Work instruction -> In the entries below, find the line with "x_axis=(-0.24192, 0.970296, 0.0)))" and print exactly every line from there up to and including the line with "girder on ray", with no other lines.

%%

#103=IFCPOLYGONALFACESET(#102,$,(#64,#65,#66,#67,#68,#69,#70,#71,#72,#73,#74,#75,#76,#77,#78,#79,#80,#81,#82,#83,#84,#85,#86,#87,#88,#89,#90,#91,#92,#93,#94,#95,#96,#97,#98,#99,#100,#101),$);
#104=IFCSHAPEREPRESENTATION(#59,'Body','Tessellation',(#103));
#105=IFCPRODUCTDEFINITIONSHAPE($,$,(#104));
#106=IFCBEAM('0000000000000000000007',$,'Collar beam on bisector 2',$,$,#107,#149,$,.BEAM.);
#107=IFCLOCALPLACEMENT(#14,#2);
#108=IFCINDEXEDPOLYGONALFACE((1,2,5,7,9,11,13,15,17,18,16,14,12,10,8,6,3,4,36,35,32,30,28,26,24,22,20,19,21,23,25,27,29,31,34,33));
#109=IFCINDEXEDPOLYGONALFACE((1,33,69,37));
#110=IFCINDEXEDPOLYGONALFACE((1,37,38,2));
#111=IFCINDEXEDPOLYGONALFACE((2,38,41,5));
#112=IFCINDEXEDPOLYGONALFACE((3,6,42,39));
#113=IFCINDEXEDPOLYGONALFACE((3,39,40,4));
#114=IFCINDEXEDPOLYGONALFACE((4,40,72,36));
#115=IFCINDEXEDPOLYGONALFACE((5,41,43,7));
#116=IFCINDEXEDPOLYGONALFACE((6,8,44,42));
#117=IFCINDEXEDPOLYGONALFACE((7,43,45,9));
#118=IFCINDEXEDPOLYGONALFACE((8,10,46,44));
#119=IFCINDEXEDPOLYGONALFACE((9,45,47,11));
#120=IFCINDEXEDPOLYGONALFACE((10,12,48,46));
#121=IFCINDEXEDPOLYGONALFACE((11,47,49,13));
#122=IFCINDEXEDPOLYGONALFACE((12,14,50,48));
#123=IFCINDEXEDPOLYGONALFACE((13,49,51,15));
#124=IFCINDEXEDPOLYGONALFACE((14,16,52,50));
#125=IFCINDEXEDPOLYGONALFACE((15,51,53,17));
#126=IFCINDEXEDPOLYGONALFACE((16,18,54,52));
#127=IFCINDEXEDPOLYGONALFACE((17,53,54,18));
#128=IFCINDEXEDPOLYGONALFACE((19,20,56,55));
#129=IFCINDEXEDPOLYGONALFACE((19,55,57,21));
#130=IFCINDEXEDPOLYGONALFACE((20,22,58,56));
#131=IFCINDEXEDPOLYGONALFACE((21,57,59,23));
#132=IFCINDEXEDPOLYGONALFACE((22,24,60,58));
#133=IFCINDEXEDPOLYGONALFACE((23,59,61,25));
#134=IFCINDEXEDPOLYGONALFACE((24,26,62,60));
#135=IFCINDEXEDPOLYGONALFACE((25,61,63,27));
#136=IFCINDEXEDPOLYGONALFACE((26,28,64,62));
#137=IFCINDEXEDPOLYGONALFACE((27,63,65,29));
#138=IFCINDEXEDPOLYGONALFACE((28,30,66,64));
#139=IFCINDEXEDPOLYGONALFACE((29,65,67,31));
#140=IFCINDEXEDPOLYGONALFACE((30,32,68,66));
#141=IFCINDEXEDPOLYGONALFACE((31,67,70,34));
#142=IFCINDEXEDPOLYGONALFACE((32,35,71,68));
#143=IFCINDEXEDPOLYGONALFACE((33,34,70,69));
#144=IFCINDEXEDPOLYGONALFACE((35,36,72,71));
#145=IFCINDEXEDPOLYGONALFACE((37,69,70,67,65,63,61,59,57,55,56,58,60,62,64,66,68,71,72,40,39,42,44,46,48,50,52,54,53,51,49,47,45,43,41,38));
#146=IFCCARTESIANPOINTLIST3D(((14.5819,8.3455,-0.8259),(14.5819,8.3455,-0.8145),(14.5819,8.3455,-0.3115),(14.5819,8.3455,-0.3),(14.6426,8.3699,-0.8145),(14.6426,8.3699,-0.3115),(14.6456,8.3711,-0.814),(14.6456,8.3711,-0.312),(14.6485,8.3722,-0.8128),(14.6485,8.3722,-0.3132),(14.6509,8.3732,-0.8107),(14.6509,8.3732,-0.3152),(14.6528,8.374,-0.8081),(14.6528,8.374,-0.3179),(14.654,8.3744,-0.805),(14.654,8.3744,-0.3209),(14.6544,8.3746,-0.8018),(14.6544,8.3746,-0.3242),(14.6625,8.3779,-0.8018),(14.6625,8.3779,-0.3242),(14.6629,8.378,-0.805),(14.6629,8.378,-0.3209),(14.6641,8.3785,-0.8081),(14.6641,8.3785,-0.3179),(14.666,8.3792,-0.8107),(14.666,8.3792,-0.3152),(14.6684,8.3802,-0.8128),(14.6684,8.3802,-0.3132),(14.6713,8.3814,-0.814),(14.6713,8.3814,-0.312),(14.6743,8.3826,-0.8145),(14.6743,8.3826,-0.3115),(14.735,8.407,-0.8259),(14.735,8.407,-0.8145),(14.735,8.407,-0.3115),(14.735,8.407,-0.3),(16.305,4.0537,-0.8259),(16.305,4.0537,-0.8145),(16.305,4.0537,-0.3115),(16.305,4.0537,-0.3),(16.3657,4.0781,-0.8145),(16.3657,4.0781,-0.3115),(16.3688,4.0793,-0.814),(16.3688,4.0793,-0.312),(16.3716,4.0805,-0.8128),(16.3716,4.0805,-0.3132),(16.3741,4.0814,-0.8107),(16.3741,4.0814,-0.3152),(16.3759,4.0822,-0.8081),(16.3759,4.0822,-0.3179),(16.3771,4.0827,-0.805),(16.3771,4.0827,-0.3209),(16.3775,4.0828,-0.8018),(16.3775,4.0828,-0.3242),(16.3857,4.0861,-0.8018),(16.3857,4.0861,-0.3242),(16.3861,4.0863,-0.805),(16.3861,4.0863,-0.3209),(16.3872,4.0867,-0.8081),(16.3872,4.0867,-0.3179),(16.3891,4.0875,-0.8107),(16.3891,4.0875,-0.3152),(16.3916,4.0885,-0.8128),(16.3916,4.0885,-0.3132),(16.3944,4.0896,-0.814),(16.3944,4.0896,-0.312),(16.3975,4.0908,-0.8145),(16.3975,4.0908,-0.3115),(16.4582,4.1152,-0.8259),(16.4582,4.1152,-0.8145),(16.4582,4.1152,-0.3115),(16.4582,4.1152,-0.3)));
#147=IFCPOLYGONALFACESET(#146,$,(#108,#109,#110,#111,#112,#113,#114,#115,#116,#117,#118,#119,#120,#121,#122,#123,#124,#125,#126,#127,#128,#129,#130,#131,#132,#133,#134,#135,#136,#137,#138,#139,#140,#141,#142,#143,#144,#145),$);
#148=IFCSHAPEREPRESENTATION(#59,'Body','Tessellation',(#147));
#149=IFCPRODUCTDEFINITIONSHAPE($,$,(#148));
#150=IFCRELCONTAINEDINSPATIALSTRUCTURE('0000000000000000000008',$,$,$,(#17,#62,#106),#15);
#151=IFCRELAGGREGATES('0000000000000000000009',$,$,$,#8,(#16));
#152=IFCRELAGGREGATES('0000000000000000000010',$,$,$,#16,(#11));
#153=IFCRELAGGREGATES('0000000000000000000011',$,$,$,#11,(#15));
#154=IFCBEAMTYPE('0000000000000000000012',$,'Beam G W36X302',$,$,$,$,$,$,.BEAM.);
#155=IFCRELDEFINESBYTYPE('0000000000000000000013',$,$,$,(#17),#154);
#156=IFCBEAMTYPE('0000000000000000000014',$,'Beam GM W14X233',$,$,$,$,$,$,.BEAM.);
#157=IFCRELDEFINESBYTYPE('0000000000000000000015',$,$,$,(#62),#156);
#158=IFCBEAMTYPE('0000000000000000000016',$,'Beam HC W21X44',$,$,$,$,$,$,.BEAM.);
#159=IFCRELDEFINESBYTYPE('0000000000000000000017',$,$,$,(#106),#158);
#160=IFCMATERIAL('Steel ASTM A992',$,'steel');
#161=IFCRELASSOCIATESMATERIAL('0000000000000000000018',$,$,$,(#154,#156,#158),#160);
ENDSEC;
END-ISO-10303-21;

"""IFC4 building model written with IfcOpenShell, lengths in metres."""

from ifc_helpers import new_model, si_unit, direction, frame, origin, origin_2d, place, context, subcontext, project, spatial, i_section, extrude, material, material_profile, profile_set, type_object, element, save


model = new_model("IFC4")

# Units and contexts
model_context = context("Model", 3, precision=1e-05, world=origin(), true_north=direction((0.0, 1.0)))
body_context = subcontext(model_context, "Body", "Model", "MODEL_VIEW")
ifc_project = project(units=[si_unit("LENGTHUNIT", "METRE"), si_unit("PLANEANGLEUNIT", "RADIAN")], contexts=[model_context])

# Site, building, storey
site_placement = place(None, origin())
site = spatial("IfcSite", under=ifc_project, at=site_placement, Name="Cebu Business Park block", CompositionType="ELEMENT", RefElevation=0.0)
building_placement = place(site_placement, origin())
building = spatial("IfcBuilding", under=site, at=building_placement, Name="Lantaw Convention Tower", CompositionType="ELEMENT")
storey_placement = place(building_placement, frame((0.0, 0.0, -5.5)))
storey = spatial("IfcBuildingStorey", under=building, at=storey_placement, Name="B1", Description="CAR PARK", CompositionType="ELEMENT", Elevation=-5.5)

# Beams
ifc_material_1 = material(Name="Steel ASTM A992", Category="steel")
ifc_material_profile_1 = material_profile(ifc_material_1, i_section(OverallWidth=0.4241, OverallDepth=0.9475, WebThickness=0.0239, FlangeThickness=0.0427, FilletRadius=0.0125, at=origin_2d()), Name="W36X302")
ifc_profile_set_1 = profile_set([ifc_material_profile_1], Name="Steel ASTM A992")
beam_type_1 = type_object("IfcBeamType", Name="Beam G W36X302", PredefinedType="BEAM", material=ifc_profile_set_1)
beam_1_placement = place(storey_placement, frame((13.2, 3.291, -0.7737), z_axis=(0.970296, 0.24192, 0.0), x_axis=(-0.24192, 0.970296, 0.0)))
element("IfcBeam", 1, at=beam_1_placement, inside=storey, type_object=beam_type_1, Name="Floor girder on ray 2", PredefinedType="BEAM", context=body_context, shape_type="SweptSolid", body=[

%%
%%

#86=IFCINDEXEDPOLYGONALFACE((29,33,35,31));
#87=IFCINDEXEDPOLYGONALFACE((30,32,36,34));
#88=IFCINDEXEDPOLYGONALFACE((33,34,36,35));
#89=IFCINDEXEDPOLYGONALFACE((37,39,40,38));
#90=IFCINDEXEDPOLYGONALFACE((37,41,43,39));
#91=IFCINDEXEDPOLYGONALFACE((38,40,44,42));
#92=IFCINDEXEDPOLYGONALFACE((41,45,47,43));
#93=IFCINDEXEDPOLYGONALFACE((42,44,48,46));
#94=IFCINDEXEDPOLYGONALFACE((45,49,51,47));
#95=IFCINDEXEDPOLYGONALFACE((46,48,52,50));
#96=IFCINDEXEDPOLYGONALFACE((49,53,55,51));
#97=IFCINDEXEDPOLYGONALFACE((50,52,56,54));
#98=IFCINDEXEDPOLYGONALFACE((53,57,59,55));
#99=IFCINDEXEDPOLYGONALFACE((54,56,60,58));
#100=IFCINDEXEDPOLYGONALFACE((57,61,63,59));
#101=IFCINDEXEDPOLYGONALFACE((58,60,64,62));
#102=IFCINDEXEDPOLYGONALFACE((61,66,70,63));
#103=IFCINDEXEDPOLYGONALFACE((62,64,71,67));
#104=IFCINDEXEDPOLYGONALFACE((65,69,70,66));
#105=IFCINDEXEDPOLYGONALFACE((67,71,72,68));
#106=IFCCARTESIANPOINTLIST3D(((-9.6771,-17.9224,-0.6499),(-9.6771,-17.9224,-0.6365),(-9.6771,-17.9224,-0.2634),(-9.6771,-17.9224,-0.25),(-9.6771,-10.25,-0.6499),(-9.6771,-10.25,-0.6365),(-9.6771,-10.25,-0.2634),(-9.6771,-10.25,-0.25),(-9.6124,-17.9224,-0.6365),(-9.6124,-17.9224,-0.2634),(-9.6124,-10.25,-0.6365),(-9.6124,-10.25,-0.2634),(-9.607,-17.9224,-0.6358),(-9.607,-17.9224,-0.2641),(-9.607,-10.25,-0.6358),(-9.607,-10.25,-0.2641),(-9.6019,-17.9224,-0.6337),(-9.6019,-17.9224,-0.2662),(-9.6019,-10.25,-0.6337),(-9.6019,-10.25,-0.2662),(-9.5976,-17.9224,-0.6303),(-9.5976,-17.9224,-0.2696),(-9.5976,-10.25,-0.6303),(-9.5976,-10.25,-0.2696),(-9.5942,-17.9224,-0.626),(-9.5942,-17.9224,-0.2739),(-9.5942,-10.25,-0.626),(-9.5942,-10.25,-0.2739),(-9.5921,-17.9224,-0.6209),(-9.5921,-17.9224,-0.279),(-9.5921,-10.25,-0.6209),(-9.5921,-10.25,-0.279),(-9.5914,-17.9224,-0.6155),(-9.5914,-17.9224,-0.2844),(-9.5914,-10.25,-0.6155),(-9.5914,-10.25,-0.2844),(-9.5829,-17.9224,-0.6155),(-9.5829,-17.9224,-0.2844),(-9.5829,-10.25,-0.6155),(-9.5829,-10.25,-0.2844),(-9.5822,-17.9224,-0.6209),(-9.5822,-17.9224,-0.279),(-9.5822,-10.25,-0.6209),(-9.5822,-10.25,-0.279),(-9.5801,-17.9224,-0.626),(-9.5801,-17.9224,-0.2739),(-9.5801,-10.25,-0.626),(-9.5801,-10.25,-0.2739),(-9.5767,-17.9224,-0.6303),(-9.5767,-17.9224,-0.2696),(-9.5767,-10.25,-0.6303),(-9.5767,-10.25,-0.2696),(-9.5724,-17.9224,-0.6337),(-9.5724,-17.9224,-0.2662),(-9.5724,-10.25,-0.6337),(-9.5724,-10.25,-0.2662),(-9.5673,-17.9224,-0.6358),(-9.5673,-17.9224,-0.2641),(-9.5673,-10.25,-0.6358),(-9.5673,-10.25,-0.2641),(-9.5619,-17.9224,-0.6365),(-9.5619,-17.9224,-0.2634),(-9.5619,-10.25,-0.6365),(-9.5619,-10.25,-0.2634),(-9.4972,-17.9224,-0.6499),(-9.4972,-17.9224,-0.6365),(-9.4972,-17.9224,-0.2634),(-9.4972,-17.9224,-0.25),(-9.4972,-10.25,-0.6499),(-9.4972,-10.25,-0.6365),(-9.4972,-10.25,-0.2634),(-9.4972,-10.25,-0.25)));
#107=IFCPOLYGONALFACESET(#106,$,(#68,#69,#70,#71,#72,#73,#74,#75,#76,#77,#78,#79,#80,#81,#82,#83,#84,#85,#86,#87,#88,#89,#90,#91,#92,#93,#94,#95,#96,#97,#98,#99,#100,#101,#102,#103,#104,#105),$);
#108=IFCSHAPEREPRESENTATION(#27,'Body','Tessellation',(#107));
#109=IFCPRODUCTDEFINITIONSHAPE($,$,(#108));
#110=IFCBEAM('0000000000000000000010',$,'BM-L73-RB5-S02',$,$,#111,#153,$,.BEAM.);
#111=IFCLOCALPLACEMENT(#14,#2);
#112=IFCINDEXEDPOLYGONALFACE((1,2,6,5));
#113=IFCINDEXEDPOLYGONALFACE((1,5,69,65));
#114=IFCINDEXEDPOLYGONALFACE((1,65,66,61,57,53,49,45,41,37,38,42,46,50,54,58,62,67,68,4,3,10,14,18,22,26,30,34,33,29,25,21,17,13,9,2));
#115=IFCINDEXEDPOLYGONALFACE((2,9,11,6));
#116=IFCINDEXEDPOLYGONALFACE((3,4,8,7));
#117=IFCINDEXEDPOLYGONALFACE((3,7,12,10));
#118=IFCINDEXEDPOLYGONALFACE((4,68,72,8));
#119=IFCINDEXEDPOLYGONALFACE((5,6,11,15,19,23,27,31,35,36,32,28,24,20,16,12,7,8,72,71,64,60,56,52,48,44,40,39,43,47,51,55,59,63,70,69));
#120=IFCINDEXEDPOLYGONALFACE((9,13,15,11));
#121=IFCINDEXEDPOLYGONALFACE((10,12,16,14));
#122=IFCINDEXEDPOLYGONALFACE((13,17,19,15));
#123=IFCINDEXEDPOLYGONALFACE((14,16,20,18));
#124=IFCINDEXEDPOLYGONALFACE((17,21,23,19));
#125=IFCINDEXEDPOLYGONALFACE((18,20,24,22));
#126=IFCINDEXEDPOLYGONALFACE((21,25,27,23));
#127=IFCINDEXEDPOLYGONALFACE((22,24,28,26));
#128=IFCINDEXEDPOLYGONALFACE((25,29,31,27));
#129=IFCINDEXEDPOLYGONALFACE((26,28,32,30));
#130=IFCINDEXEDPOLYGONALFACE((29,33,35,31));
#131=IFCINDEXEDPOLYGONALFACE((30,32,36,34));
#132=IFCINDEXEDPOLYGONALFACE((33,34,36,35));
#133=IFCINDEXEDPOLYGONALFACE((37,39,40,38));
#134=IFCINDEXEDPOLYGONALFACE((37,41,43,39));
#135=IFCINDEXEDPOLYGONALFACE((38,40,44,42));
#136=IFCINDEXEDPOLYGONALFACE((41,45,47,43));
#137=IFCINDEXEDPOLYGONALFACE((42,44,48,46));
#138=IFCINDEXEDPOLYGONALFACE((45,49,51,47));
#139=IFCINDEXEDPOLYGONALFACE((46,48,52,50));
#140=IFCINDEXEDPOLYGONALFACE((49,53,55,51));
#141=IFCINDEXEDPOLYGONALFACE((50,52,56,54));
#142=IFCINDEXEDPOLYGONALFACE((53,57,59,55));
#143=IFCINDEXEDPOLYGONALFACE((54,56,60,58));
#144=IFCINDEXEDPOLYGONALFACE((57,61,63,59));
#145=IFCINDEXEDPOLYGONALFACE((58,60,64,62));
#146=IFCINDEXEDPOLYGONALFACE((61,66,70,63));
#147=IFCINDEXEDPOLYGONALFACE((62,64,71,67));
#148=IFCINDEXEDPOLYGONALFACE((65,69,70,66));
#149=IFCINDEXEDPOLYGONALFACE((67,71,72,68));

%%

Solution to this problem ->
beam_1_placement = place(storey_placement, frame((13.2, 3.291, -0.7737), z_axis=(0.970296, 0.24192, 0.0), x_axis=(-0.24192, 0.970296, 0.0)))
element("IfcBeam", 1, at=beam_1_placement, inside=storey, type_object=beam_type_1, Name="Floor girder on ray 2", PredefinedType="BEAM", context=body_context, shape_type="SweptSolid", body=[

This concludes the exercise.